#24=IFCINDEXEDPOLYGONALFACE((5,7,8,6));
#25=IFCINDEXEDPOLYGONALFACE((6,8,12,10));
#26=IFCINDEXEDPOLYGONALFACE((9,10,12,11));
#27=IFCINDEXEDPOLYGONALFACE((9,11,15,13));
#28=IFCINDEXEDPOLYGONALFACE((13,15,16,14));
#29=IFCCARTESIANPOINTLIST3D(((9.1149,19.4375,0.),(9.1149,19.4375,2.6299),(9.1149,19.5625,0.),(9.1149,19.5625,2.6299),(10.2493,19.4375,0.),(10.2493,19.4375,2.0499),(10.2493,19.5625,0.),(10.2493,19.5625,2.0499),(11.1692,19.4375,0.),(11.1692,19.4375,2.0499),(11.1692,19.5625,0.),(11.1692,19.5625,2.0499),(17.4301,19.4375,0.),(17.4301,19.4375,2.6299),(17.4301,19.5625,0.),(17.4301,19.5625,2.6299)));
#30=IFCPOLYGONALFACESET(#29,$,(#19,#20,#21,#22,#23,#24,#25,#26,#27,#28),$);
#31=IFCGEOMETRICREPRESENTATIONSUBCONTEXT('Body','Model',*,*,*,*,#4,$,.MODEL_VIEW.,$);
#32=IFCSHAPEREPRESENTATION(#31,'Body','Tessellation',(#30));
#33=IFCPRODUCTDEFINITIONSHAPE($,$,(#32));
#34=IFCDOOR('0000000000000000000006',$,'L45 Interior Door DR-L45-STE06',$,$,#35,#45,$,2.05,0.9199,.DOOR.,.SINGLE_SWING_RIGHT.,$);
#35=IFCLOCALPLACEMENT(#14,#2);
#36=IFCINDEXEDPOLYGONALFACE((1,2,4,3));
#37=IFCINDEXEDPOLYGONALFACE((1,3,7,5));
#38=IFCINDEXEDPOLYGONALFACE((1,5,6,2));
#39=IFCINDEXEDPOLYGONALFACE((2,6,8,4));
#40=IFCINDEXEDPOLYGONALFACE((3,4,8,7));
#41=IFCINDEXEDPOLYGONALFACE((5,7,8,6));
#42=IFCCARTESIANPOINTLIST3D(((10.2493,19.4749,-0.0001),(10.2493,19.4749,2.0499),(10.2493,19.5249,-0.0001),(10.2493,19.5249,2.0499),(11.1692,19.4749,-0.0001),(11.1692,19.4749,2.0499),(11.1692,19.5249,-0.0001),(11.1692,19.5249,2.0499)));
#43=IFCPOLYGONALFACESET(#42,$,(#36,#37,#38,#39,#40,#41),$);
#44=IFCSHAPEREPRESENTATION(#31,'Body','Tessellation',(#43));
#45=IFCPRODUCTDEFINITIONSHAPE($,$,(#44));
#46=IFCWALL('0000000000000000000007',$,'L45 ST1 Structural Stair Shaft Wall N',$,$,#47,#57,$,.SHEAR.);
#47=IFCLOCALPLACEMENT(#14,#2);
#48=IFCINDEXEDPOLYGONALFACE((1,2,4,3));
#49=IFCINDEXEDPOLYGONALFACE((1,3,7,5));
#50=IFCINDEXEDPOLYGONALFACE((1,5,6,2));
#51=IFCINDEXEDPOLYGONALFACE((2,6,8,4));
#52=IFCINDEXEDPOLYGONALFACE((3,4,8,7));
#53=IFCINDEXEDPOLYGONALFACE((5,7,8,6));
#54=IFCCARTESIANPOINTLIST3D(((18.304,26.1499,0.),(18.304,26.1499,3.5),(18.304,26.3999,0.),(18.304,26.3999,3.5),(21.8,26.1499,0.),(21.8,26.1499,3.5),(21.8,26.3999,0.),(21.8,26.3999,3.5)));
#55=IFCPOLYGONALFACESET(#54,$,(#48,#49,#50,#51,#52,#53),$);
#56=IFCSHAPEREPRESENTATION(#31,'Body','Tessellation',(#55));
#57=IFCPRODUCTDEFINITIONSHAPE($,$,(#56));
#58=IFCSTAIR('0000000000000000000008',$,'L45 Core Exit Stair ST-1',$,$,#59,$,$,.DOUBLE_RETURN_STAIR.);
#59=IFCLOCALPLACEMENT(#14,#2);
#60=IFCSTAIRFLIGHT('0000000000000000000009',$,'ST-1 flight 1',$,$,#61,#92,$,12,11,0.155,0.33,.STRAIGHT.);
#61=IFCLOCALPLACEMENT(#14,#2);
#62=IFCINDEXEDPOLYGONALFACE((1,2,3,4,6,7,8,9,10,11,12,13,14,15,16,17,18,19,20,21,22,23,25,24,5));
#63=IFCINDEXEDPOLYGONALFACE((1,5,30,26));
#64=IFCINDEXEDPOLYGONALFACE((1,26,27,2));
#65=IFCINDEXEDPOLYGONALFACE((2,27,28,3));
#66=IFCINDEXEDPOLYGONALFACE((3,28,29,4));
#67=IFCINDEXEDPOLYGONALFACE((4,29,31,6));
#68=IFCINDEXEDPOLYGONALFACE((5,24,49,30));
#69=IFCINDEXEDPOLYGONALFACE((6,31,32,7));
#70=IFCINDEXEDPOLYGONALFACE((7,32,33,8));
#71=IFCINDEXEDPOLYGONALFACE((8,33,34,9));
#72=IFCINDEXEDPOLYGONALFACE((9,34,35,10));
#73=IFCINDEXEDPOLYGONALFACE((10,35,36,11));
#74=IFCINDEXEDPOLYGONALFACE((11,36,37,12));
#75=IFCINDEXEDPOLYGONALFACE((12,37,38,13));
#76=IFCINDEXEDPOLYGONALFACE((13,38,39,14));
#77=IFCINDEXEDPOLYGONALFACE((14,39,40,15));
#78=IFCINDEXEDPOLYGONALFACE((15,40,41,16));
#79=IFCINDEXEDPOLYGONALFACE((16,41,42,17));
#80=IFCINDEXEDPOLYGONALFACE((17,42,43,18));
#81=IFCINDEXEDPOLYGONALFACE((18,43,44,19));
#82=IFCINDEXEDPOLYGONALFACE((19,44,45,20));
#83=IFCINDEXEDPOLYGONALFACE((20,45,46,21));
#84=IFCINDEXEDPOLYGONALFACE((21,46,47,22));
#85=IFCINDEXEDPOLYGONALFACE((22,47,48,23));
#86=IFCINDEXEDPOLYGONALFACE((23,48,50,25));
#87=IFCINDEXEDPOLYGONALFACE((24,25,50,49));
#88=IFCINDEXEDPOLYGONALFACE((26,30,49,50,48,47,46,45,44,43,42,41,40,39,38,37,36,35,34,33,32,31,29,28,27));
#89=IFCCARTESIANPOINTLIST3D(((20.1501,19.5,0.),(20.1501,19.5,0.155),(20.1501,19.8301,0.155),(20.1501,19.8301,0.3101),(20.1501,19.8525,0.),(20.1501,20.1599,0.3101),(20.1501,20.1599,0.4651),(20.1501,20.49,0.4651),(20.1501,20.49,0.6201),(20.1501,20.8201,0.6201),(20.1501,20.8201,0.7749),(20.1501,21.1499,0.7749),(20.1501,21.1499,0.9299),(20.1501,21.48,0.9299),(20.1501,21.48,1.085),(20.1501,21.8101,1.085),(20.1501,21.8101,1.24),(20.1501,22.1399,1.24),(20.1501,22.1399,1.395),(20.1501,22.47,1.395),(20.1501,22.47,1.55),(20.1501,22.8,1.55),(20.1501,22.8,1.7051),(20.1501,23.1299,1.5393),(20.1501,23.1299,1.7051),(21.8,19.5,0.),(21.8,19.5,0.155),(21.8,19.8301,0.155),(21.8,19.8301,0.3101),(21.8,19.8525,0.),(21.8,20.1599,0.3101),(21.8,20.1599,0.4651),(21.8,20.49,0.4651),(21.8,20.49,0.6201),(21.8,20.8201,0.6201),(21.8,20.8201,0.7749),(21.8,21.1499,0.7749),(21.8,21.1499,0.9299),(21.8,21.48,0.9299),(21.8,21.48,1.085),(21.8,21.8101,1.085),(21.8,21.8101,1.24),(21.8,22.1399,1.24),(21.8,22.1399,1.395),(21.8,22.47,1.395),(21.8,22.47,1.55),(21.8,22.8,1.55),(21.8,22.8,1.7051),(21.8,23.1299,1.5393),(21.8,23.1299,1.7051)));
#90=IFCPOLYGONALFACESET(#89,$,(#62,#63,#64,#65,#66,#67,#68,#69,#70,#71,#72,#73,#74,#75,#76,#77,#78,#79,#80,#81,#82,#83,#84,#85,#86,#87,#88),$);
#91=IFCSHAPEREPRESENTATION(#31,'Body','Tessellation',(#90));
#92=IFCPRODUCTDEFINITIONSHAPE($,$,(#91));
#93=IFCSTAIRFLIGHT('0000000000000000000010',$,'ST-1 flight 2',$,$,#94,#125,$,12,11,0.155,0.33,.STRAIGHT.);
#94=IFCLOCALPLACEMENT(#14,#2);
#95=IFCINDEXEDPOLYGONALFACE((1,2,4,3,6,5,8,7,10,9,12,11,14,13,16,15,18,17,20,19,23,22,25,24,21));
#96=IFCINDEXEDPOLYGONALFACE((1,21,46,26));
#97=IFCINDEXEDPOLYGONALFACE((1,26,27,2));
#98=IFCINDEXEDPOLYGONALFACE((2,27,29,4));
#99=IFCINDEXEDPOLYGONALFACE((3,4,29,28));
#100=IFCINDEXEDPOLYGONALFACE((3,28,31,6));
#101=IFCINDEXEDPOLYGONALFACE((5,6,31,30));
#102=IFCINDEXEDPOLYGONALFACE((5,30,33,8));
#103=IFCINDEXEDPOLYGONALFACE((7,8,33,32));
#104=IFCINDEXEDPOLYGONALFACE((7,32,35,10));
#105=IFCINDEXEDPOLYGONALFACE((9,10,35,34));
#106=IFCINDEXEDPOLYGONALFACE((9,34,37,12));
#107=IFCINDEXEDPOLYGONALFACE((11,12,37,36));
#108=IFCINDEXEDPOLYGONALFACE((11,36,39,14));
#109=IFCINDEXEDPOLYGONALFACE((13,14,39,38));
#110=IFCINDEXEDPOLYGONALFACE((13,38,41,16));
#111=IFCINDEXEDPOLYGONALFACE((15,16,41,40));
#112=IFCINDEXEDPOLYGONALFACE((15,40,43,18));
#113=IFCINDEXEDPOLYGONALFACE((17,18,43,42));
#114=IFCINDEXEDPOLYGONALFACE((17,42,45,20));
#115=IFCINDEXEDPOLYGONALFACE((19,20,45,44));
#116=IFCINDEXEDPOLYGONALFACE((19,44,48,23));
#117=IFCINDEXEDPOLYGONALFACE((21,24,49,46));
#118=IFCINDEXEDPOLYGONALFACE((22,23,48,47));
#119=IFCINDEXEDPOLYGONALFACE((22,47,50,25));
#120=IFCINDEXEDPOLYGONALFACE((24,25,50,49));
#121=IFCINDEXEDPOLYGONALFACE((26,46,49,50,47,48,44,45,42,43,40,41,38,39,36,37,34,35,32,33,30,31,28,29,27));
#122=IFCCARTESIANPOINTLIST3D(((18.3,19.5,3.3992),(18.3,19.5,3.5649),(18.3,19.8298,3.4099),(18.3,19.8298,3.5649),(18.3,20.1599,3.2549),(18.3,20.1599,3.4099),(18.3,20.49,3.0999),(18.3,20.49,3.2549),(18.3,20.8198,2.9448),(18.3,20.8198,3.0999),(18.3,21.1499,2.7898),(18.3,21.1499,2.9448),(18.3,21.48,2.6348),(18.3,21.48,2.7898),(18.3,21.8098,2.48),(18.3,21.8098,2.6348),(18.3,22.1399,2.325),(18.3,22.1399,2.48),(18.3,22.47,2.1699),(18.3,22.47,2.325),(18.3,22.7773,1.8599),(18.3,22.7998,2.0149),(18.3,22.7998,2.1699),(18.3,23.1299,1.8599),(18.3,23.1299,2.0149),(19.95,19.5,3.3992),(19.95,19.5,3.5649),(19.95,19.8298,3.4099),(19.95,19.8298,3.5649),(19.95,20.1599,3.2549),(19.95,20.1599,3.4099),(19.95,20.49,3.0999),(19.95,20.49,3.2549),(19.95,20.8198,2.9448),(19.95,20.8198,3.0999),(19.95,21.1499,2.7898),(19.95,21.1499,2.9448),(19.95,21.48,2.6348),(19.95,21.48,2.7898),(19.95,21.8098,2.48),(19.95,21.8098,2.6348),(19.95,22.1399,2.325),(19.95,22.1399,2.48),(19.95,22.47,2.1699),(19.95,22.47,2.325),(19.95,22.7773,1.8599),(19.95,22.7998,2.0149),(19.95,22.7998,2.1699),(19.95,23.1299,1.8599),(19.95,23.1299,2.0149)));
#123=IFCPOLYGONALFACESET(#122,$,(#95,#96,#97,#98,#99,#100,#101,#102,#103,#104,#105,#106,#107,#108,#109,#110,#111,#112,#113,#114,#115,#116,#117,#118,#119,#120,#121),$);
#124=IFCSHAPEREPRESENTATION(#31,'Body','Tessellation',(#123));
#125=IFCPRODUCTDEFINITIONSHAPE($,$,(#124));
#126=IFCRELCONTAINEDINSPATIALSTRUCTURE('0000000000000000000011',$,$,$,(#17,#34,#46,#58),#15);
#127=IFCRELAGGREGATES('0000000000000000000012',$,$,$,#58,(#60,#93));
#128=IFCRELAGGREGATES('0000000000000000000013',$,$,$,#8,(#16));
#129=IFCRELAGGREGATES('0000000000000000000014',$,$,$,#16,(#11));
***
• Work to be completed: Find the line with "#46=IFCWALL('0000000000000000000007',$,'L45 ST1 Structural" in the material above. Reproduce it and each line after it up to and including the line with "#69=IFCINDEXEDPOLYGONALFACE((6,31,32,7));".

• Exercise answer:
#46=IFCWALL('0000000000000000000007',$,'L45 ST1 Structural Stair Shaft Wall N',$,$,#47,#57,$,.SHEAR.);
#47=IFCLOCALPLACEMENT(#14,#2);
#48=IFCINDEXEDPOLYGONALFACE((1,2,4,3));
#49=IFCINDEXEDPOLYGONALFACE((1,3,7,5));
#50=IFCINDEXEDPOLYGONALFACE((1,5,6,2));
#51=IFCINDEXEDPOLYGONALFACE((2,6,8,4));
#52=IFCINDEXEDPOLYGONALFACE((3,4,8,7));
#53=IFCINDEXEDPOLYGONALFACE((5,7,8,6));
#54=IFCCARTESIANPOINTLIST3D(((18.304,26.1499,0.),(18.304,26.1499,3.5),(18.304,26.3999,0.),(18.304,26.3999,3.5),(21.8,26.1499,0.),(21.8,26.1499,3.5),(21.8,26.3999,0.),(21.8,26.3999,3.5)));
#55=IFCPOLYGONALFACESET(#54,$,(#48,#49,#50,#51,#52,#53),$);
#56=IFCSHAPEREPRESENTATION(#31,'Body','Tessellation',(#55));
#57=IFCPRODUCTDEFINITIONSHAPE($,$,(#56));
#58=IFCSTAIR('0000000000000000000008',$,'L45 Core Exit Stair ST-1',$,$,#59,$,$,.DOUBLE_RETURN_STAIR.);
#59=IFCLOCALPLACEMENT(#14,#2);
#60=IFCSTAIRFLIGHT('0000000000000000000009',$,'ST-1 flight 1',$,$,#61,#92,$,12,11,0.155,0.33,.STRAIGHT.);
#61=IFCLOCALPLACEMENT(#14,#2);
#62=IFCINDEXEDPOLYGONALFACE((1,2,3,4,6,7,8,9,10,11,12,13,14,15,16,17,18,19,20,21,22,23,25,24,5));
#63=IFCINDEXEDPOLYGONALFACE((1,5,30,26));
#64=IFCINDEXEDPOLYGONALFACE((1,26,27,2));
#65=IFCINDEXEDPOLYGONALFACE((2,27,28,3));
#66=IFCINDEXEDPOLYGONALFACE((3,28,29,4));
#67=IFCINDEXEDPOLYGONALFACE((4,29,31,6));
#68=IFCINDEXEDPOLYGONALFACE((5,24,49,30));
#69=IFCINDEXEDPOLYGONALFACE((6,31,32,7));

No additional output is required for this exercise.